Exercise aim:
Tally the lines of the data below that contain the string "where". Give the tally and nothing else.

BEGIN Listed entries

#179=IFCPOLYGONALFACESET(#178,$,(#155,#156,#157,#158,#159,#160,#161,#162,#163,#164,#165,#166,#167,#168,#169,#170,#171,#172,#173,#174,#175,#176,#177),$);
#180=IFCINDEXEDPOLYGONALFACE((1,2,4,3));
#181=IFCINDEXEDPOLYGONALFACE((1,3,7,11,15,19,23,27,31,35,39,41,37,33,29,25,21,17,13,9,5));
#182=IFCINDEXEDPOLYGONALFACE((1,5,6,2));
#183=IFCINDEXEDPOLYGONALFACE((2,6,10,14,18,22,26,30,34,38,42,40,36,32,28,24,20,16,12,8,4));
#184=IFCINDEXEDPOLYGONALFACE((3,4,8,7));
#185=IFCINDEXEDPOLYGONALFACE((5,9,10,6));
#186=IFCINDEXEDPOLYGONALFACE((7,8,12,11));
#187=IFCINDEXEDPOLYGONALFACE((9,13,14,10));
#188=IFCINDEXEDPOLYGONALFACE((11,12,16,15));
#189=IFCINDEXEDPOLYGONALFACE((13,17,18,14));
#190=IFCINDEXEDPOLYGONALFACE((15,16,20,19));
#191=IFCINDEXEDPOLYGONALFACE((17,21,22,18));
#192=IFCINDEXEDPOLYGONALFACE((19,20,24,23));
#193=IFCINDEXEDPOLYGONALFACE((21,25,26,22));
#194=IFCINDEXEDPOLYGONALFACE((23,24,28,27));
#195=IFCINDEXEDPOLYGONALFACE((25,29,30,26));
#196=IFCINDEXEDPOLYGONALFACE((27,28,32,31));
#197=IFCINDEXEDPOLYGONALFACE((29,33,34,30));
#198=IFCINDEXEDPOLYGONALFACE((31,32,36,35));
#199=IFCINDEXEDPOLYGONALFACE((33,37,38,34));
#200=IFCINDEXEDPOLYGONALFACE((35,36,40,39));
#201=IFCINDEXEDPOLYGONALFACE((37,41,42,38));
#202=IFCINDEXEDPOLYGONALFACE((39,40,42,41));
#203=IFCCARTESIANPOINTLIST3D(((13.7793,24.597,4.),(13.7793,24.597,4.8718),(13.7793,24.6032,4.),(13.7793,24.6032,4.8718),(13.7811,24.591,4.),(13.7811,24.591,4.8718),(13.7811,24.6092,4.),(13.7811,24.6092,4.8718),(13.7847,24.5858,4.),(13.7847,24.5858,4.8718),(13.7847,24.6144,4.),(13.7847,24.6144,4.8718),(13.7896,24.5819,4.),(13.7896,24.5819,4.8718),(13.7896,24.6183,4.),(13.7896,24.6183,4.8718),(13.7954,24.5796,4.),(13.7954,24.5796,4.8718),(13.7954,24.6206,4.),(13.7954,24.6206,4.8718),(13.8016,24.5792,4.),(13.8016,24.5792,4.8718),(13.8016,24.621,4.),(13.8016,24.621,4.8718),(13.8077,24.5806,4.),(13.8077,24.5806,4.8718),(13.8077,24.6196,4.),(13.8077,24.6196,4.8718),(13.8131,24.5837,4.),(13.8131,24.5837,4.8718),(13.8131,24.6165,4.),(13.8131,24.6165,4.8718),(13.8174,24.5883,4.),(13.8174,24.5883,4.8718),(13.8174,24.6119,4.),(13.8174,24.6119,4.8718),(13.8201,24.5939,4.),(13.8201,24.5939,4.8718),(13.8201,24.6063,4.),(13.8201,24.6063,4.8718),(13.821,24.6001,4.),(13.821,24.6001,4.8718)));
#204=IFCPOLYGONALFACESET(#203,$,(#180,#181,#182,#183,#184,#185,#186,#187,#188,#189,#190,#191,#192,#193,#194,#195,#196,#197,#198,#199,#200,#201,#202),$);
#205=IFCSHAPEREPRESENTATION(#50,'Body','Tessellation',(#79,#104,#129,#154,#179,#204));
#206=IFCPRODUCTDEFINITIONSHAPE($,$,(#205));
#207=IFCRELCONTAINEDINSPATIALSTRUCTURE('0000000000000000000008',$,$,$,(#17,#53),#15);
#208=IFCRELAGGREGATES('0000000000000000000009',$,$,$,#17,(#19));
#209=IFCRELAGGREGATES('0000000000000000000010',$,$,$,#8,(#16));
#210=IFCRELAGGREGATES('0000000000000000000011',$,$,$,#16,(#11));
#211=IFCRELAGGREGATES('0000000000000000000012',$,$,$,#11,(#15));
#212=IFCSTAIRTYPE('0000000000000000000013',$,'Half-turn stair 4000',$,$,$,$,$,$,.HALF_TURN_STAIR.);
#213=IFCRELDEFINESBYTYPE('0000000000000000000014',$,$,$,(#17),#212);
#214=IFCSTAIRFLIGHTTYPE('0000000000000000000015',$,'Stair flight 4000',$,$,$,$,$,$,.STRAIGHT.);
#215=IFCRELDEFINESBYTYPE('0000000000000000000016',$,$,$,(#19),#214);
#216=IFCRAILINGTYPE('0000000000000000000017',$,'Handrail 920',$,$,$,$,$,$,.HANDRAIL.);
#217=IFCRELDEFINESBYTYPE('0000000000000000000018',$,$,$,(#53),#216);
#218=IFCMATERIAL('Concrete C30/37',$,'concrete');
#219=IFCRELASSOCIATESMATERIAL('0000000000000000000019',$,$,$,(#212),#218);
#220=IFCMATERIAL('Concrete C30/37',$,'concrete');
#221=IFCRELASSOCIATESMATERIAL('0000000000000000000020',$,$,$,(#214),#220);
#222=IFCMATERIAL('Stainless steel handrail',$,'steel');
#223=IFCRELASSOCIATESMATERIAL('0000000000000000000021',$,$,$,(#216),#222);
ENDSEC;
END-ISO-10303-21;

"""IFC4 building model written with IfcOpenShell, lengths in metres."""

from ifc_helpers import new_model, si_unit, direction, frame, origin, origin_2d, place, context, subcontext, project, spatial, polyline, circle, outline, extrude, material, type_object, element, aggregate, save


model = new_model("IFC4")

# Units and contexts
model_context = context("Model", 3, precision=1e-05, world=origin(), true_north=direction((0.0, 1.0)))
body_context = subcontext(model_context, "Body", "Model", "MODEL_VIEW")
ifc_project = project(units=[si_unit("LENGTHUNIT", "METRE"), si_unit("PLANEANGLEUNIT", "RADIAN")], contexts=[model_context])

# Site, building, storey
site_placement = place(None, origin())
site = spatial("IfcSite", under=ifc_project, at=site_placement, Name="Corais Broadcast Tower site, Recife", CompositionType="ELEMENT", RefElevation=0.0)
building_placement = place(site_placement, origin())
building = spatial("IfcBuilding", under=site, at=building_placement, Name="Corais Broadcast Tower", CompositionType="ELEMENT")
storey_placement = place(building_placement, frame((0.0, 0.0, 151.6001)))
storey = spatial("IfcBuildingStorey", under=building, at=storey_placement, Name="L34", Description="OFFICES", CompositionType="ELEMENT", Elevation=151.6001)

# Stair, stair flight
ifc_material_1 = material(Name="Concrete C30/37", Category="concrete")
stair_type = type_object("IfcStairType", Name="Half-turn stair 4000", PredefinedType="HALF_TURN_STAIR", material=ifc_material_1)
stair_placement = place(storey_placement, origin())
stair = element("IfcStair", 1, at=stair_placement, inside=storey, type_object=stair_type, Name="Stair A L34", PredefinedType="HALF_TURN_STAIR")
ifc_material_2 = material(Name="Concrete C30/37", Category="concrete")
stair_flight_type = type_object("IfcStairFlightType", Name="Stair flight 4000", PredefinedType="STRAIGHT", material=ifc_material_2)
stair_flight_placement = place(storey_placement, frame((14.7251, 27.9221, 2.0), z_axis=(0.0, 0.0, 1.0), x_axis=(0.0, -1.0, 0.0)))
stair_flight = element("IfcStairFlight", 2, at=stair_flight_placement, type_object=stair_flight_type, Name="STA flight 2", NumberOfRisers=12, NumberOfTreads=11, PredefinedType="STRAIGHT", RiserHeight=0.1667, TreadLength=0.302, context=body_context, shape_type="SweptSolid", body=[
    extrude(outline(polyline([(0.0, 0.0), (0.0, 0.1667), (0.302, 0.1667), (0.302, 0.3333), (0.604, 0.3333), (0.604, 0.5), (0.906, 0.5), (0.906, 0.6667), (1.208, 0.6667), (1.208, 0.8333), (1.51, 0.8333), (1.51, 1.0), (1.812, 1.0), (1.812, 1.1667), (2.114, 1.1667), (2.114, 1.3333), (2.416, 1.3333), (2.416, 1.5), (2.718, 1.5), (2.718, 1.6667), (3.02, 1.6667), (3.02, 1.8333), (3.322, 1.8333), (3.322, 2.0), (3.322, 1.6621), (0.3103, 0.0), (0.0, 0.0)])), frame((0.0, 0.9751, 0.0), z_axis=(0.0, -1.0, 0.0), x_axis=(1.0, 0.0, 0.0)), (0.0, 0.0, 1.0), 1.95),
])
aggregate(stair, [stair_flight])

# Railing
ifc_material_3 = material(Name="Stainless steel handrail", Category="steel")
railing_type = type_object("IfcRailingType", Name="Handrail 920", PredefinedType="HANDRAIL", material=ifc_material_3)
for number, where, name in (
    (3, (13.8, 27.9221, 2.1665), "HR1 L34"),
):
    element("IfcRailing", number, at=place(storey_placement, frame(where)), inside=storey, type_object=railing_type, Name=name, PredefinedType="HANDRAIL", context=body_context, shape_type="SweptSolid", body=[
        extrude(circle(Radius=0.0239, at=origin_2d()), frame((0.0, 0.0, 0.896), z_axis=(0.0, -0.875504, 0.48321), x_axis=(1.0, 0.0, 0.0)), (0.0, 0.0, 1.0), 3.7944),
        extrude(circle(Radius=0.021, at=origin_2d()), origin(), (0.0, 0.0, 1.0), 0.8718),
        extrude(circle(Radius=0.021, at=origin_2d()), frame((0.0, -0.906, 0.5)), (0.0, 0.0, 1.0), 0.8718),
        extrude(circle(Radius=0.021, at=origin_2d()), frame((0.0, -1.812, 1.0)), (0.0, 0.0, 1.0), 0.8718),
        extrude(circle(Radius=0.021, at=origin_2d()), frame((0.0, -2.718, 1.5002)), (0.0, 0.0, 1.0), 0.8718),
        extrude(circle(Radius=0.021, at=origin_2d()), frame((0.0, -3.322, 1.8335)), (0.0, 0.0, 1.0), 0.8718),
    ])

END Listed entries

Exercise result:
2